▶ _AVAILABLE DATA_:
**********
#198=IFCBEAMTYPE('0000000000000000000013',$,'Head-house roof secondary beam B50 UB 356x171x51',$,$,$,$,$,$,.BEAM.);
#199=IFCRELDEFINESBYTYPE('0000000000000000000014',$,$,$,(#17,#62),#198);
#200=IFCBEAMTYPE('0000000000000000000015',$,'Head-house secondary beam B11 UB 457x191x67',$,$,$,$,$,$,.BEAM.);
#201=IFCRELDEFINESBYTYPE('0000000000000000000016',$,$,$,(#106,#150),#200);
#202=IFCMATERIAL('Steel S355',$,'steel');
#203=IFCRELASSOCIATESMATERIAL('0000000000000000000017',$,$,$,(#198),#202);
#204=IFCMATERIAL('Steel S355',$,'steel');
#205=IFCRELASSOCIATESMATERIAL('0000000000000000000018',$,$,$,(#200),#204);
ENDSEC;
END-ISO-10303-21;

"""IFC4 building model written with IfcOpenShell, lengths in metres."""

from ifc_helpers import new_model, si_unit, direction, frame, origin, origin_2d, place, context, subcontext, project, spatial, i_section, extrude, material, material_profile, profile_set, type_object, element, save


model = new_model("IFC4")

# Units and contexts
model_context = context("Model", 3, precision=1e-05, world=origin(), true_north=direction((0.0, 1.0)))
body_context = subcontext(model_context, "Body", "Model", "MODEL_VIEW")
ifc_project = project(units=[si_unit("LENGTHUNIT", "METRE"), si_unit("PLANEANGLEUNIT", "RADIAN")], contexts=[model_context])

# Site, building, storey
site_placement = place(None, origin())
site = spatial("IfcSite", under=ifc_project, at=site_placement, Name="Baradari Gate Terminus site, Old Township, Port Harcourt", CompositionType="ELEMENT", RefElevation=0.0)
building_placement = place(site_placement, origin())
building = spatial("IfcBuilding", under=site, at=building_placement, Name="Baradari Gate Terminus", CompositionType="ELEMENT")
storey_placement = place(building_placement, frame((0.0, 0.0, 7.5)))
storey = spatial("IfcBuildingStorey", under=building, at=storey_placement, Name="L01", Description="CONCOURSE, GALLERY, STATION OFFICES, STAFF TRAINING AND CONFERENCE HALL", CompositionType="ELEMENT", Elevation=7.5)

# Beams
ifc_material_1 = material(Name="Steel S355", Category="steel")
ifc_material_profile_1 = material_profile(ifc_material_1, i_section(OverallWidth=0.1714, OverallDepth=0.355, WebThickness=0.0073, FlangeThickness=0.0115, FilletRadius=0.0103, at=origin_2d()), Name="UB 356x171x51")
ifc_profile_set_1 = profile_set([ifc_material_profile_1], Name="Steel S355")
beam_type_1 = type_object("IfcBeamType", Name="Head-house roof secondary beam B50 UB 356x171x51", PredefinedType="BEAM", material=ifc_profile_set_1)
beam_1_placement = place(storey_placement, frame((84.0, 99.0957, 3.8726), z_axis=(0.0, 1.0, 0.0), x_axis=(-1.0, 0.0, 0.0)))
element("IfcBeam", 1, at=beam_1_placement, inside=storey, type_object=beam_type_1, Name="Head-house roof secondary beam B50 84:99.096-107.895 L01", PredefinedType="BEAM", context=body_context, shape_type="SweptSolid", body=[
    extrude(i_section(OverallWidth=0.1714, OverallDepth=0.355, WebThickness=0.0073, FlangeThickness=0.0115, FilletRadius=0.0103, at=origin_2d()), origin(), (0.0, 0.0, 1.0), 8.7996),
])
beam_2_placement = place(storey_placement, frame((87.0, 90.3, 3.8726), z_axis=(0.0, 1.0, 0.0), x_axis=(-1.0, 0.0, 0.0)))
**********
▶ _WHAT YOU NEED TO DO_: Throughout the material above, report each line holding the word "FilletRadius".

▶ _REPLY TO THE TASK_:
ifc_material_profile_1 = material_profile(ifc_material_1, i_section(OverallWidth=0.1714, OverallDepth=0.355, WebThickness=0.0073, FlangeThickness=0.0115, FilletRadius=0.0103, at=origin_2d()), Name="UB 356x171x51")
    extrude(i_section(OverallWidth=0.1714, OverallDepth=0.355, WebThickness=0.0073, FlangeThickness=0.0115, FilletRadius=0.0103, at=origin_2d()), origin(), (0.0, 0.0, 1.0), 8.7996),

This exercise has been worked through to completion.